Stored dataset items:
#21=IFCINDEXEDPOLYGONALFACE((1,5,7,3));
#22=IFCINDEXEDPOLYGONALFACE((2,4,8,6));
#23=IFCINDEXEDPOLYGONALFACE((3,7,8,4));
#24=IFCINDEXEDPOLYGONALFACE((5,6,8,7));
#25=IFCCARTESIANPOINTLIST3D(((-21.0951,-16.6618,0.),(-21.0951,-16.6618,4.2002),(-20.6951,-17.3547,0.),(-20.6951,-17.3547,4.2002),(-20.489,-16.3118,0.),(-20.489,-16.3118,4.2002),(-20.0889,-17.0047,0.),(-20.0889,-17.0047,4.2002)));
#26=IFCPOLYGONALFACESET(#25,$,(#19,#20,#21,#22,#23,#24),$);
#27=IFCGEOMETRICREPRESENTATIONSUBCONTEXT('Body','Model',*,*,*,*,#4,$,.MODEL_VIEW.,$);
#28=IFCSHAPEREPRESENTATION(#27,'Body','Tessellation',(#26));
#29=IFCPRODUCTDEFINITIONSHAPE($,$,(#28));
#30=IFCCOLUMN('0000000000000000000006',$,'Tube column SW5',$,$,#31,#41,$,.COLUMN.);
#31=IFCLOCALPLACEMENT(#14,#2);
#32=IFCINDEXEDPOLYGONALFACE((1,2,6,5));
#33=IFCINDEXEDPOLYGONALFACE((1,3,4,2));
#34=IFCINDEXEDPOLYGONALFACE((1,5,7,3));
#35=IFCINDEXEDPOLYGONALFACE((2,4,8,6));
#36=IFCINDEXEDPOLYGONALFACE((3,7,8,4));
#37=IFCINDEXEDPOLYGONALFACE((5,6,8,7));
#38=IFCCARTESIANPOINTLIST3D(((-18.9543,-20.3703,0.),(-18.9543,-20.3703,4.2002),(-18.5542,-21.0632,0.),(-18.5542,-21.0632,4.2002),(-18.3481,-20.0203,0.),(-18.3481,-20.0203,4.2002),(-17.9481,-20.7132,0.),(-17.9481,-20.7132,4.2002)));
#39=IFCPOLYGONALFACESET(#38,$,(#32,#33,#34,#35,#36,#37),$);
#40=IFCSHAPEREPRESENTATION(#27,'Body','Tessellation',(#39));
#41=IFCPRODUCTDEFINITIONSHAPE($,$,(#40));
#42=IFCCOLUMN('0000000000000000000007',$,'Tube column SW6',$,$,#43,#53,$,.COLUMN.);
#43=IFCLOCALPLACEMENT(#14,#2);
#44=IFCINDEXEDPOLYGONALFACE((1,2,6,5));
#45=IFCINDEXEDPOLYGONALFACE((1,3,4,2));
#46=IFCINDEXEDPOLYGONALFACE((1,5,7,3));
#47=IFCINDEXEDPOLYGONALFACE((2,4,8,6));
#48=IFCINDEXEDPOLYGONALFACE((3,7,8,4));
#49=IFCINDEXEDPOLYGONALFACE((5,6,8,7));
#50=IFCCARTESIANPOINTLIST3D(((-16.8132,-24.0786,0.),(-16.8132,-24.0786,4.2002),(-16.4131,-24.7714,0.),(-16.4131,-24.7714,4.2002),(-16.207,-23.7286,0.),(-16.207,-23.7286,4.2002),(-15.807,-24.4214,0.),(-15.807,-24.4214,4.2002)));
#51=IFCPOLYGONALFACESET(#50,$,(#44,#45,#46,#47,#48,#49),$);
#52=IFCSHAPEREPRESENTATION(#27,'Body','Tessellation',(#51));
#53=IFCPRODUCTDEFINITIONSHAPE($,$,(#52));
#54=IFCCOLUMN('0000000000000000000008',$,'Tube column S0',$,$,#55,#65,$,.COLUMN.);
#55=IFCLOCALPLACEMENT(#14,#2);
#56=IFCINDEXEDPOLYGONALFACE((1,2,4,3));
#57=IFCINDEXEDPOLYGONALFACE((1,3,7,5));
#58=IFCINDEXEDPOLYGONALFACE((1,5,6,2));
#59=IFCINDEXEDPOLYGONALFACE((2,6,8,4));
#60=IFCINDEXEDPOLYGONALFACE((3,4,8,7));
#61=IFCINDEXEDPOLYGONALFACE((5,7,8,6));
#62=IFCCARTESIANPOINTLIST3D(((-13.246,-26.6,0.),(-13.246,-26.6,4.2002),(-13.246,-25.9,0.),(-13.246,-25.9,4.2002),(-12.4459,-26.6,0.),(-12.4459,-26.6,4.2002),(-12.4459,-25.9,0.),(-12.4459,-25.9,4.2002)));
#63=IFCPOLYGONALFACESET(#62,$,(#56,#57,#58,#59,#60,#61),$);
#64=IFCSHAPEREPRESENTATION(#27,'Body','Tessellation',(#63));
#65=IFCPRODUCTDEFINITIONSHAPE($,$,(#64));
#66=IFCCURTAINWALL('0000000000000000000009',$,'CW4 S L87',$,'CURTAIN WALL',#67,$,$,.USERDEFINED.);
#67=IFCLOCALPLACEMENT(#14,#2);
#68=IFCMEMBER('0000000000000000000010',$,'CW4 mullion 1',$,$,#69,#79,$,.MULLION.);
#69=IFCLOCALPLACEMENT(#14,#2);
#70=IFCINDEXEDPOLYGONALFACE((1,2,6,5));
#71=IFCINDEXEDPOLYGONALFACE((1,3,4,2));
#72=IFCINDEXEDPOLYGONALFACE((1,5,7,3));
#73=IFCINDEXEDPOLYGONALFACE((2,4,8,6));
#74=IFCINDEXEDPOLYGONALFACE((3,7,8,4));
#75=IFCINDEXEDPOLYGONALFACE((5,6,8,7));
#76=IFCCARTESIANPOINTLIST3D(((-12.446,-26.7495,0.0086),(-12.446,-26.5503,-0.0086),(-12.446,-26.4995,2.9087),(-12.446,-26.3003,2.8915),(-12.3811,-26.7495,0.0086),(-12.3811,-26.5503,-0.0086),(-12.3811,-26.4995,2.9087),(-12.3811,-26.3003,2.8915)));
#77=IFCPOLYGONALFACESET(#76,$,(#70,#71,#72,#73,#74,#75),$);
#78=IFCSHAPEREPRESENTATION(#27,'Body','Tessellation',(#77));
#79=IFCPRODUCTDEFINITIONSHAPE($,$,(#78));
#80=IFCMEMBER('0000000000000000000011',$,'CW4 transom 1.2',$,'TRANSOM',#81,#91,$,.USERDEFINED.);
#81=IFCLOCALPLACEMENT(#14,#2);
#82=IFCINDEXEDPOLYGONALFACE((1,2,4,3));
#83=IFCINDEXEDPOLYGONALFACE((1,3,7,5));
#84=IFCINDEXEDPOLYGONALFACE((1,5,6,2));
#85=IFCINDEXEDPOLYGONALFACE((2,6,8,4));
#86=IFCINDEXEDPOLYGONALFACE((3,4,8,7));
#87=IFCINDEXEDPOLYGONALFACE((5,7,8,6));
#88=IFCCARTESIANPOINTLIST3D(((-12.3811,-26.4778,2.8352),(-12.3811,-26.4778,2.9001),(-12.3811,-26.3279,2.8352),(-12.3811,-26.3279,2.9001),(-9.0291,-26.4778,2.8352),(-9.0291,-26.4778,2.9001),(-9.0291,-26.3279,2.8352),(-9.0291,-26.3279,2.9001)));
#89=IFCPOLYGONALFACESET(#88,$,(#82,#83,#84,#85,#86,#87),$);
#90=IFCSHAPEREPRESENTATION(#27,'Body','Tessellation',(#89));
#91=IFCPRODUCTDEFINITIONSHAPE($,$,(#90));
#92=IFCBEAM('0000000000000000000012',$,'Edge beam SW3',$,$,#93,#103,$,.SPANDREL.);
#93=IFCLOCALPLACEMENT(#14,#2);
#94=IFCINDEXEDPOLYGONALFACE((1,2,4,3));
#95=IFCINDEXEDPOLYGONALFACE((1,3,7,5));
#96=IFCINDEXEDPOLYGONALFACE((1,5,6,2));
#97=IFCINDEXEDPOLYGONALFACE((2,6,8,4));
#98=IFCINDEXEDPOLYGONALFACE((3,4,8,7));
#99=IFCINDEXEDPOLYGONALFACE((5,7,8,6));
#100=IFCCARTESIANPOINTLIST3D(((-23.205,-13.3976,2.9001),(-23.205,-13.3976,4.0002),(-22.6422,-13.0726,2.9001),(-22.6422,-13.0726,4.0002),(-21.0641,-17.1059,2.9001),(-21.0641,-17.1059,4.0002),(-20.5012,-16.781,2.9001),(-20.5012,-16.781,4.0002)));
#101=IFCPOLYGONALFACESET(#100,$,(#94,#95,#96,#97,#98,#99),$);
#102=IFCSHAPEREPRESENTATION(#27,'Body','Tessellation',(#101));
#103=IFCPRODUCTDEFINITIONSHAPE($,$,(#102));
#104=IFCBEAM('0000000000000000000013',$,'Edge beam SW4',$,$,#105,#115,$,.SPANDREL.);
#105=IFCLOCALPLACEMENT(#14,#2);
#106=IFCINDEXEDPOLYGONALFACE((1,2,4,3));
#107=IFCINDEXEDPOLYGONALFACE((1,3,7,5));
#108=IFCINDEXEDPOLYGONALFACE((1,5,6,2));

→ THE TASK
Output the first line of the entries above and every line after it, exactly as written, ending with the line that contains "#24=IFCINDEXEDPOLYGONALFACE((5,6,8,7));".

→ THE COMPLETED TASK
#21=IFCINDEXEDPOLYGONALFACE((1,5,7,3));
#22=IFCINDEXEDPOLYGONALFACE((2,4,8,6));
#23=IFCINDEXEDPOLYGONALFACE((3,7,8,4));
#24=IFCINDEXEDPOLYGONALFACE((5,6,8,7));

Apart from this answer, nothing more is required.